[DATA]

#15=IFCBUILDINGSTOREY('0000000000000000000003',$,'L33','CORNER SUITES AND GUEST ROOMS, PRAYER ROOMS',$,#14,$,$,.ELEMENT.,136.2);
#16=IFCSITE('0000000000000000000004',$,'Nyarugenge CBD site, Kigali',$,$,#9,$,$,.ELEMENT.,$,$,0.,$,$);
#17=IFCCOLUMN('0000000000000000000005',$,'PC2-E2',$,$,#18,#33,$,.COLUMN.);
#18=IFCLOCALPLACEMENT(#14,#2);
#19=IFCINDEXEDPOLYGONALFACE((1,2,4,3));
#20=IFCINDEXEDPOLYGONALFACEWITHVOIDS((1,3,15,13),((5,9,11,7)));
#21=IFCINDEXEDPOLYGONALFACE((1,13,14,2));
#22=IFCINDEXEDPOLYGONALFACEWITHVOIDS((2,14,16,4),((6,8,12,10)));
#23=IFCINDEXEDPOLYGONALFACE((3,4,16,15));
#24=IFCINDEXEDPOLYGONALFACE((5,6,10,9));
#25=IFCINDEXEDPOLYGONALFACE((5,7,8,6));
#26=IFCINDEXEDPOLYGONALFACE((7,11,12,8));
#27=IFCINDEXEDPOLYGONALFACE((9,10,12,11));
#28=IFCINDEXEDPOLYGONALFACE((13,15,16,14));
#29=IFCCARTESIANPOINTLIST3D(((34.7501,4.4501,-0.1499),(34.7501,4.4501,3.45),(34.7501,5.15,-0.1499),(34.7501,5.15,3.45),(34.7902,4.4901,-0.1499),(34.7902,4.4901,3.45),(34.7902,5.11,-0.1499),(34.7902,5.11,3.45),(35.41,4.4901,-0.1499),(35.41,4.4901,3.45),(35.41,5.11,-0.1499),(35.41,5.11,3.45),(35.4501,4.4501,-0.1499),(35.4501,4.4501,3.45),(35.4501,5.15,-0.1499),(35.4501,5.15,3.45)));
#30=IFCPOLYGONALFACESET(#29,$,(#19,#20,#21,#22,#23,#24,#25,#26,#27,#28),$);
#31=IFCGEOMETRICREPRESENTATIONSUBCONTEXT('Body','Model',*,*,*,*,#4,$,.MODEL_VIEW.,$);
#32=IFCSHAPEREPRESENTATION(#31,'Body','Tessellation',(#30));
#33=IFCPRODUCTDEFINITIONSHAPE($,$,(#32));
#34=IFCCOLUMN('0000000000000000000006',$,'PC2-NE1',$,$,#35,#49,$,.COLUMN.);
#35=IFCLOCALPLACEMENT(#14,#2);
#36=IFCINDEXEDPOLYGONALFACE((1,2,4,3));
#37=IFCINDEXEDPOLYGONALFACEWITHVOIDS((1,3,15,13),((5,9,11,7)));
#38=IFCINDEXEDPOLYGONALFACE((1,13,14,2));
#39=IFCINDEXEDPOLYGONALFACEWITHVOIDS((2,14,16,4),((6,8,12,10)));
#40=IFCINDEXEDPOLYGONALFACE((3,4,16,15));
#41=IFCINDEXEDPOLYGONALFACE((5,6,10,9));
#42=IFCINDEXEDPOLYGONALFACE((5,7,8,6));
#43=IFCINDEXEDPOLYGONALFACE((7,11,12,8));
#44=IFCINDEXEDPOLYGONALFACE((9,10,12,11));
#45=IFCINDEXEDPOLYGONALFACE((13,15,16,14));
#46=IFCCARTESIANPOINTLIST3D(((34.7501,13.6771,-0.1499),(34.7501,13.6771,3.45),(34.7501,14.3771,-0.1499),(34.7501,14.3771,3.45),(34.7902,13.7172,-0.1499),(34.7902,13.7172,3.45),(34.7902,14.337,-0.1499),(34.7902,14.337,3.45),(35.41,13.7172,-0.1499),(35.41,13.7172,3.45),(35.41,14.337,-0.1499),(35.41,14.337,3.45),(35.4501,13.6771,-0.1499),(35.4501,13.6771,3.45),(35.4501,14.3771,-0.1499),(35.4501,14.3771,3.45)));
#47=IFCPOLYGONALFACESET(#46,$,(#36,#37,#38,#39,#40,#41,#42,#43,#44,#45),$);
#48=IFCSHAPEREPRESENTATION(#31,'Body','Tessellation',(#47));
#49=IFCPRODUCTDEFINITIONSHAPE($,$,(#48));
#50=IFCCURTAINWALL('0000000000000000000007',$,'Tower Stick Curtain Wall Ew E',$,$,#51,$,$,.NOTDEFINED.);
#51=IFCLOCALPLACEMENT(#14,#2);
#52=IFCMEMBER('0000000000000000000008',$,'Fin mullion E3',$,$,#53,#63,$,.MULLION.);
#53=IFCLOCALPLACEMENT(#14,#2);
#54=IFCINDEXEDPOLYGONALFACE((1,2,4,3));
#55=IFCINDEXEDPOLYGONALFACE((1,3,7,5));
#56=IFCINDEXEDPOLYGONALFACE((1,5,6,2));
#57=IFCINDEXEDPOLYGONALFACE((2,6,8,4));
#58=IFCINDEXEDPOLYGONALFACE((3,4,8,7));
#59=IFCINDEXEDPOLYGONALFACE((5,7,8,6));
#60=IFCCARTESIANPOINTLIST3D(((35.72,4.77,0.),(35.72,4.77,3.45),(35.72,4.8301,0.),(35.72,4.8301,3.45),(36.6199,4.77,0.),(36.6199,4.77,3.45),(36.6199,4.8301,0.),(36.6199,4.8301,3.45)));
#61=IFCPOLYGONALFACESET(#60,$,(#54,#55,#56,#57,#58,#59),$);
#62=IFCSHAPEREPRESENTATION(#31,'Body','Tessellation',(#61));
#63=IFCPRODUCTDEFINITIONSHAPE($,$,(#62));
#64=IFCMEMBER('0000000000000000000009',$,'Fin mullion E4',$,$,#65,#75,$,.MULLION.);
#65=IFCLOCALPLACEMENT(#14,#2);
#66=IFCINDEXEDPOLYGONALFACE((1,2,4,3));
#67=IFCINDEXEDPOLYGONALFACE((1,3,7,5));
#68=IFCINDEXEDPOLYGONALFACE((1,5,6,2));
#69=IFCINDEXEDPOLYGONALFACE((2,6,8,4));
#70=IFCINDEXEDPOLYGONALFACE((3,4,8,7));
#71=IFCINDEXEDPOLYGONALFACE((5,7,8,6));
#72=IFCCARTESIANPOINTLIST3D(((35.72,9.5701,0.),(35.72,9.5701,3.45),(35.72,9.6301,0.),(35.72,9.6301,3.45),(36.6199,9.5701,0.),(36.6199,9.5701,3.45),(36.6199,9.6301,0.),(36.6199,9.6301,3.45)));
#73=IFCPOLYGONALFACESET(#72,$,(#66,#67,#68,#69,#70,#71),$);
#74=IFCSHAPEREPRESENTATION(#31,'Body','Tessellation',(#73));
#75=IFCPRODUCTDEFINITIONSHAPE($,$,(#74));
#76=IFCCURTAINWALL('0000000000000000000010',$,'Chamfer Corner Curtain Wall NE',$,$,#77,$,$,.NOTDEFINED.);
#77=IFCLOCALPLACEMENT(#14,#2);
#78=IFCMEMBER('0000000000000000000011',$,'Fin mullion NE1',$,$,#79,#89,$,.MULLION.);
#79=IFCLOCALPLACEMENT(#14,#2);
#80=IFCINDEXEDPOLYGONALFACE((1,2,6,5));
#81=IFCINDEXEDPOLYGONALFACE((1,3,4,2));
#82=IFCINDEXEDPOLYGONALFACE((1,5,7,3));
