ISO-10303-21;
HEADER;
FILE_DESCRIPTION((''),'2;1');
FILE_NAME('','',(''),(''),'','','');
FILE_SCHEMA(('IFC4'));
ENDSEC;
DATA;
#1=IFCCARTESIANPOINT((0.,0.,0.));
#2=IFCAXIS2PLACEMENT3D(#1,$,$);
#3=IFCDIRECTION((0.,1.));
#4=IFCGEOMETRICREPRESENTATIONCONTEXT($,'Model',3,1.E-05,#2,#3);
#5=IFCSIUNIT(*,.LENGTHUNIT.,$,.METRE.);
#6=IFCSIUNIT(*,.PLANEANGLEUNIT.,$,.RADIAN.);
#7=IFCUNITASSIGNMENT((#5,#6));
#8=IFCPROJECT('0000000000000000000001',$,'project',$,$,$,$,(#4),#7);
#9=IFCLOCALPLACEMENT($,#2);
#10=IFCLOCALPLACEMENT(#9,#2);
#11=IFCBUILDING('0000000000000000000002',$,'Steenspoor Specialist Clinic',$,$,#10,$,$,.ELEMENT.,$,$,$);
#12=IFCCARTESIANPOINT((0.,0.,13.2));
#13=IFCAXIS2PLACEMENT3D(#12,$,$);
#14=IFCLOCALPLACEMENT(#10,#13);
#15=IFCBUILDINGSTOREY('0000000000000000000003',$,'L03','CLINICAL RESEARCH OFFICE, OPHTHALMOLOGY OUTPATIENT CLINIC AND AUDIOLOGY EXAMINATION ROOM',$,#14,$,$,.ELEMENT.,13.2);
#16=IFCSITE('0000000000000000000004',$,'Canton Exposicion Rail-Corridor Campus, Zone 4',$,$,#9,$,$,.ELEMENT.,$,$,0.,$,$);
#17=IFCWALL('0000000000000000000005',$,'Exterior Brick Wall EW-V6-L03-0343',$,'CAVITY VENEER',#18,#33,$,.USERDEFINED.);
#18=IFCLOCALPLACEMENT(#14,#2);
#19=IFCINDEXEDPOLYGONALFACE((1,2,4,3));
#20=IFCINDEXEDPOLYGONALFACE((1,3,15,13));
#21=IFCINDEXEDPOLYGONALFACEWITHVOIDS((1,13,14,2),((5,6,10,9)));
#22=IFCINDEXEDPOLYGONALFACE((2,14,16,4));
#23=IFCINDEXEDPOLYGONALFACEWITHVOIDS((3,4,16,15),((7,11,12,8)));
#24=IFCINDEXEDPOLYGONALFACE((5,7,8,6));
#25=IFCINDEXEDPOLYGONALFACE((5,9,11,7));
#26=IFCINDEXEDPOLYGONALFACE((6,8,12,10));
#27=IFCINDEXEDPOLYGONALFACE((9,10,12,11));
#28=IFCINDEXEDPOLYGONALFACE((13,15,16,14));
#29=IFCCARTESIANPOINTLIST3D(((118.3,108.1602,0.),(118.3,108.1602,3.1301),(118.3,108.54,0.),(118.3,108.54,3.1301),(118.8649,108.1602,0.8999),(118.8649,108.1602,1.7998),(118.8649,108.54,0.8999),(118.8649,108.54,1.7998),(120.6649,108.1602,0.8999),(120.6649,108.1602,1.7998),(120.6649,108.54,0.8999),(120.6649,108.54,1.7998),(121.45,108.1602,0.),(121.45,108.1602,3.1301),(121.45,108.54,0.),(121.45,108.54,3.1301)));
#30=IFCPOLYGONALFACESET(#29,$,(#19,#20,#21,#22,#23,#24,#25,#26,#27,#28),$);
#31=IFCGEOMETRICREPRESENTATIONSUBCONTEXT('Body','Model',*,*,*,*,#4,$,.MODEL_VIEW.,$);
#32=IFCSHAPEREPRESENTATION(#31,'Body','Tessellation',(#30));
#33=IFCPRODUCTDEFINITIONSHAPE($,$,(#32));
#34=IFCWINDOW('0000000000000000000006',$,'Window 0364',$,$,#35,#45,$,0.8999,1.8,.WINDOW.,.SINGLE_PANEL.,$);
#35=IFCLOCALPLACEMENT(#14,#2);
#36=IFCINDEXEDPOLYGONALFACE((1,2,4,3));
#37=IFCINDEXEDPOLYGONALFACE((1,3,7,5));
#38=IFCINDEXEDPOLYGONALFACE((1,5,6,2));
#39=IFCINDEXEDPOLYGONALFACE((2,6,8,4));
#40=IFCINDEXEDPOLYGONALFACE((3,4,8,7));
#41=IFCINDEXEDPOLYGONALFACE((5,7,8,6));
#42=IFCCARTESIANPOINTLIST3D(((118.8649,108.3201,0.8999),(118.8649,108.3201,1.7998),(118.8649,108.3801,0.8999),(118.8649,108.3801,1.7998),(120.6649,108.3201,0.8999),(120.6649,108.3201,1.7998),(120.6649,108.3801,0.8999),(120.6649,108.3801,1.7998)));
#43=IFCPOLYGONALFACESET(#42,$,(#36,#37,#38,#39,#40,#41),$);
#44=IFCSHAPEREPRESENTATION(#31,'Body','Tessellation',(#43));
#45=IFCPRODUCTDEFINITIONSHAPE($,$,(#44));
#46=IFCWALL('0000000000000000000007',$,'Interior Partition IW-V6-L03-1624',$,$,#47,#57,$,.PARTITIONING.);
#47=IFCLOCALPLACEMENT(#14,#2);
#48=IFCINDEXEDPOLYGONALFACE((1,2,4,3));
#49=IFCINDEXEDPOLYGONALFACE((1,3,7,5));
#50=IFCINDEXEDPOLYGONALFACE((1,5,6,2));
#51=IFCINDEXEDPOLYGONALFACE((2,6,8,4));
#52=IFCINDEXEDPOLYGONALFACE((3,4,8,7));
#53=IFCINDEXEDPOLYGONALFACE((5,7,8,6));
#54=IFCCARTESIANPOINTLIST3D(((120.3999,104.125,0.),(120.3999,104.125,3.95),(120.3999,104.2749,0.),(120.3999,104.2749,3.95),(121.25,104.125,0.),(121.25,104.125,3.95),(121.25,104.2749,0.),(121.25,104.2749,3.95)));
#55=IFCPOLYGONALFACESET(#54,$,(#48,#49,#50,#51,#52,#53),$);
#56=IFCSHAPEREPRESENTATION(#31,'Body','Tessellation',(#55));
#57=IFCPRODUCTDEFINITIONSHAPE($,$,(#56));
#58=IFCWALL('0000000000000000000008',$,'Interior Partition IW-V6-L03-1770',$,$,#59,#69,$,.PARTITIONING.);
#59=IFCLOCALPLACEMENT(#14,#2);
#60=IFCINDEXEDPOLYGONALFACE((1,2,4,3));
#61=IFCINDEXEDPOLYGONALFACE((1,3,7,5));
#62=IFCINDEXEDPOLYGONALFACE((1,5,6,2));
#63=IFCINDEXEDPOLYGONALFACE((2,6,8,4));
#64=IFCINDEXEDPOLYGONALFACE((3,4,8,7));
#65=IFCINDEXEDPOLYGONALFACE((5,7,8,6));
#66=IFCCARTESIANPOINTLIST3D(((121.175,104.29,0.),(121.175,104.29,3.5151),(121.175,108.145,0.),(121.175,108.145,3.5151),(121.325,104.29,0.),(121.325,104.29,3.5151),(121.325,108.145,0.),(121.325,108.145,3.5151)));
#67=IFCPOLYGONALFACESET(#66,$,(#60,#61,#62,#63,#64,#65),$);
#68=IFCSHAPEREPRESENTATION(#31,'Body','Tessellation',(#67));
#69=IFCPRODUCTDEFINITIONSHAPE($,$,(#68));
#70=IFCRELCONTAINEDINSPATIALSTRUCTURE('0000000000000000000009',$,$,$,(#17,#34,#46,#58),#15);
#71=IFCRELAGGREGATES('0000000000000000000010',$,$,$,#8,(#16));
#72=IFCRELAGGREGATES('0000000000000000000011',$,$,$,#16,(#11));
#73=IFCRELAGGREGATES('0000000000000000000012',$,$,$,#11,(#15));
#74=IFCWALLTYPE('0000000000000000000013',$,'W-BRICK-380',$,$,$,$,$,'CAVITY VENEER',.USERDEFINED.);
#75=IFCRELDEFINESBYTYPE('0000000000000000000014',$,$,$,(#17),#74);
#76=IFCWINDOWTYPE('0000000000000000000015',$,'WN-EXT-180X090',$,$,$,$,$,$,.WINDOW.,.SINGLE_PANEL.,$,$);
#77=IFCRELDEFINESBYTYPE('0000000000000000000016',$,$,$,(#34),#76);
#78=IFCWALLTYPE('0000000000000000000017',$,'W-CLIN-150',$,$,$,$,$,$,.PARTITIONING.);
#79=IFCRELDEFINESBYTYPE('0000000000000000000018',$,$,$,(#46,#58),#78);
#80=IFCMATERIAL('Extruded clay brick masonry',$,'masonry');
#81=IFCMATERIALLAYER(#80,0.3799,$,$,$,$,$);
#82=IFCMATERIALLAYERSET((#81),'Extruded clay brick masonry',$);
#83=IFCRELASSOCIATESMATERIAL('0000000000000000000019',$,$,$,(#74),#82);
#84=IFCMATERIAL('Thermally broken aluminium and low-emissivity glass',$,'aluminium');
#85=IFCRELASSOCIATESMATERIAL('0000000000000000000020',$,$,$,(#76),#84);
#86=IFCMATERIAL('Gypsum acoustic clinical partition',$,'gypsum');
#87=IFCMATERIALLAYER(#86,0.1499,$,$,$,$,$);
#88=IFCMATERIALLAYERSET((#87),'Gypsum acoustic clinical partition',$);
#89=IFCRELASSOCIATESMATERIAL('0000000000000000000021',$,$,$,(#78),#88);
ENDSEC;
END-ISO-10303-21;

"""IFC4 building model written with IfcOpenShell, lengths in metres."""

from ifc_helpers import new_model, si_unit, direction, frame, frame_2d, origin, place, context, subcontext, project, spatial, rectangle, extrude, material, layer, layer_set, type_object, element, fill, save


model = new_model("IFC4")

# Units and contexts
model_context = context("Model", 3, precision=1e-05, world=origin(), true_north=direction((0.0, 1.0)))
body_context = subcontext(model_context, "Body", "Model", "MODEL_VIEW")
ifc_project = project(units=[si_unit("LENGTHUNIT", "METRE"), si_unit("PLANEANGLEUNIT", "RADIAN")], contexts=[model_context])

# Site, building, storey
site_placement = place(None, origin())
site = spatial("IfcSite", under=ifc_project, at=site_placement, Name="Canton Exposicion Rail-Corridor Campus, Zone 4", CompositionType="ELEMENT", RefElevation=0.0)
building_placement = place(site_placement, origin())
building = spatial("IfcBuilding", under=site, at=building_placement, Name="Steenspoor Specialist Clinic", CompositionType="ELEMENT")
storey_placement = place(building_placement, frame((0.0, 0.0, 13.2)))
storey = spatial("IfcBuildingStorey", under=building, at=storey_placement, Name="L03", Description="CLINICAL RESEARCH OFFICE, OPHTHALMOLOGY OUTPATIENT CLINIC AND AUDIOLOGY EXAMINATION ROOM", CompositionType="ELEMENT", Elevation=13.2)

# Shared definitions
ifc_material_1 = material(Name="Thermally broken aluminium and low-emissivity glass", Category="aluminium")

# Wall, opening, window
ifc_material_2 = material(Name="Extruded clay brick masonry", Category="masonry")
ifc_layer_1 = layer(ifc_material_2, 0.3799)
ifc_layer_set_1 = layer_set([ifc_layer_1], Name="Extruded clay brick masonry")
wall_type_1 = type_object("IfcWallType", Name="W-BRICK-380", ElementType="CAVITY VENEER", PredefinedType="USERDEFINED", material=ifc_layer_set_1)
wall_1_placement = place(storey_placement, frame((118.3, 108.3501, 0.0), z_axis=(0.0, 0.0, 1.0), x_axis=(1.0, 0.0, 0.0)))
wall_1 = element("IfcWall", 1, at=wall_1_placement, inside=storey, type_object=wall_type_1, Name="Exterior Brick Wall EW-V6-L03-0343", ObjectType="CAVITY VENEER", PredefinedType="USERDEFINED", context=body_context, shape_type="SweptSolid", body=[
    extrude(rectangle(XDim=3.1499, YDim=0.3799, at=frame_2d((1.575, 0.0))), origin(), (0.0, 0.0, 1.0), 3.1301),
])
opening_placement = place(wall_1_placement, frame((0.5649, 0.0, 0.8999)))
opening = element("IfcOpeningElement", 2, at=opening_placement, cuts=wall_1, PredefinedType="OPENING", context=body_context, shape_type="SweptSolid", body=[
    extrude(rectangle(XDim=1.8, YDim=0.8999, at=frame_2d((0.8999, 0.45))), frame((0.0, 0.2, 0.0), z_axis=(0.0, -1.0, 0.0), x_axis=(1.0, 0.0, 0.0)), (0.0, 0.0, 1.0), 0.3999),
])
window_type = type_object("IfcWindowType", Name="WN-EXT-180X090", PartitioningType="SINGLE_PANEL", PredefinedType="WINDOW", material=ifc_material_1)
window_placement = place(opening_placement, origin())
window = element("IfcWindow", 3, at=window_placement, inside=storey, type_object=window_type, Name="Window 0364", OverallHeight=0.8999, OverallWidth=1.8, PartitioningType="SINGLE_PANEL", PredefinedType="WINDOW", context=body_context, shape_type="SweptSolid", body=[
    extrude(rectangle(XDim=1.8, YDim=0.8999, at=frame_2d((0.8999, 0.45))), frame((0.0, 0.03, 0.0), z_axis=(0.0, -1.0, 0.0), x_axis=(1.0, 0.0, 0.0)), (0.0, 0.0, 1.0), 0.0601),
])
fill(opening, window)

# Walls
ifc_material_3 = material(Name="Gypsum acoustic clinical partition", Category="gypsum")
ifc_layer_2 = layer(ifc_material_3, 0.1499)
ifc_layer_set_2 = layer_set([ifc_layer_2], Name="Gypsum acoustic clinical partition")
wall_type_2 = type_object("IfcWallType", Name="W-CLIN-150", PredefinedType="PARTITIONING", material=ifc_layer_set_2)
wall_2_placement = place(storey_placement, frame((120.3999, 104.2, 0.0), z_axis=(0.0, 0.0, 1.0), x_axis=(1.0, 0.0, 0.0)))
element("IfcWall", 4, at=wall_2_placement, inside=storey, type_object=wall_type_2, Name="Interior Partition IW-V6-L03-1624", PredefinedType="PARTITIONING", context=body_context, shape_type="SweptSolid", body=[
    extrude(rectangle(XDim=0.8501, YDim=0.1499, at=frame_2d((0.425, 0.0))), origin(), (0.0, 0.0, 1.0), 3.95),
])
wall_3_placement = place(storey_placement, frame((121.25, 104.29, 0.0), z_axis=(0.0, 0.0, 1.0), x_axis=(0.0, 1.0, 0.0)))
element("IfcWall", 5, at=wall_3_placement, inside=storey, type_object=wall_type_2, Name="Interior Partition IW-V6-L03-1770", PredefinedType="PARTITIONING", context=body_context, shape_type="SweptSolid", body=[
    extrude(rectangle(XDim=3.855, YDim=0.1499, at=frame_2d((1.9275, 0.0))), origin(), (0.0, 0.0, 1.0), 3.5151),
])

save(model, "model.ifc")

[TASK OBJECTIVE] Please reproduce exactly the lines in the listing above from the one containing "#73=IFCRELAGGREGATES('0000000000000000000012',$,$,$,#11,(#15));" through the one containing "END-ISO-10303-21;", both included, and nothing more.

[TASK RESULT]
#73=IFCRELAGGREGATES('0000000000000000000012',$,$,$,#11,(#15));
#74=IFCWALLTYPE('0000000000000000000013',$,'W-BRICK-380',$,$,$,$,$,'CAVITY VENEER',.USERDEFINED.);
#75=IFCRELDEFINESBYTYPE('0000000000000000000014',$,$,$,(#17),#74);
#76=IFCWINDOWTYPE('0000000000000000000015',$,'WN-EXT-180X090',$,$,$,$,$,$,.WINDOW.,.SINGLE_PANEL.,$,$);
#77=IFCRELDEFINESBYTYPE('0000000000000000000016',$,$,$,(#34),#76);
#78=IFCWALLTYPE('0000000000000000000017',$,'W-CLIN-150',$,$,$,$,$,$,.PARTITIONING.);
#79=IFCRELDEFINESBYTYPE('0000000000000000000018',$,$,$,(#46,#58),#78);
#80=IFCMATERIAL('Extruded clay brick masonry',$,'masonry');
#81=IFCMATERIALLAYER(#80,0.3799,$,$,$,$,$);
#82=IFCMATERIALLAYERSET((#81),'Extruded clay brick masonry',$);
#83=IFCRELASSOCIATESMATERIAL('0000000000000000000019',$,$,$,(#74),#82);
#84=IFCMATERIAL('Thermally broken aluminium and low-emissivity glass',$,'aluminium');
#85=IFCRELASSOCIATESMATERIAL('0000000000000000000020',$,$,$,(#76),#84);
#86=IFCMATERIAL('Gypsum acoustic clinical partition',$,'gypsum');
#87=IFCMATERIALLAYER(#86,0.1499,$,$,$,$,$);
#88=IFCMATERIALLAYERSET((#87),'Gypsum acoustic clinical partition',$);
#89=IFCRELASSOCIATESMATERIAL('0000000000000000000021',$,$,$,(#78),#88);
ENDSEC;
END-ISO-10303-21;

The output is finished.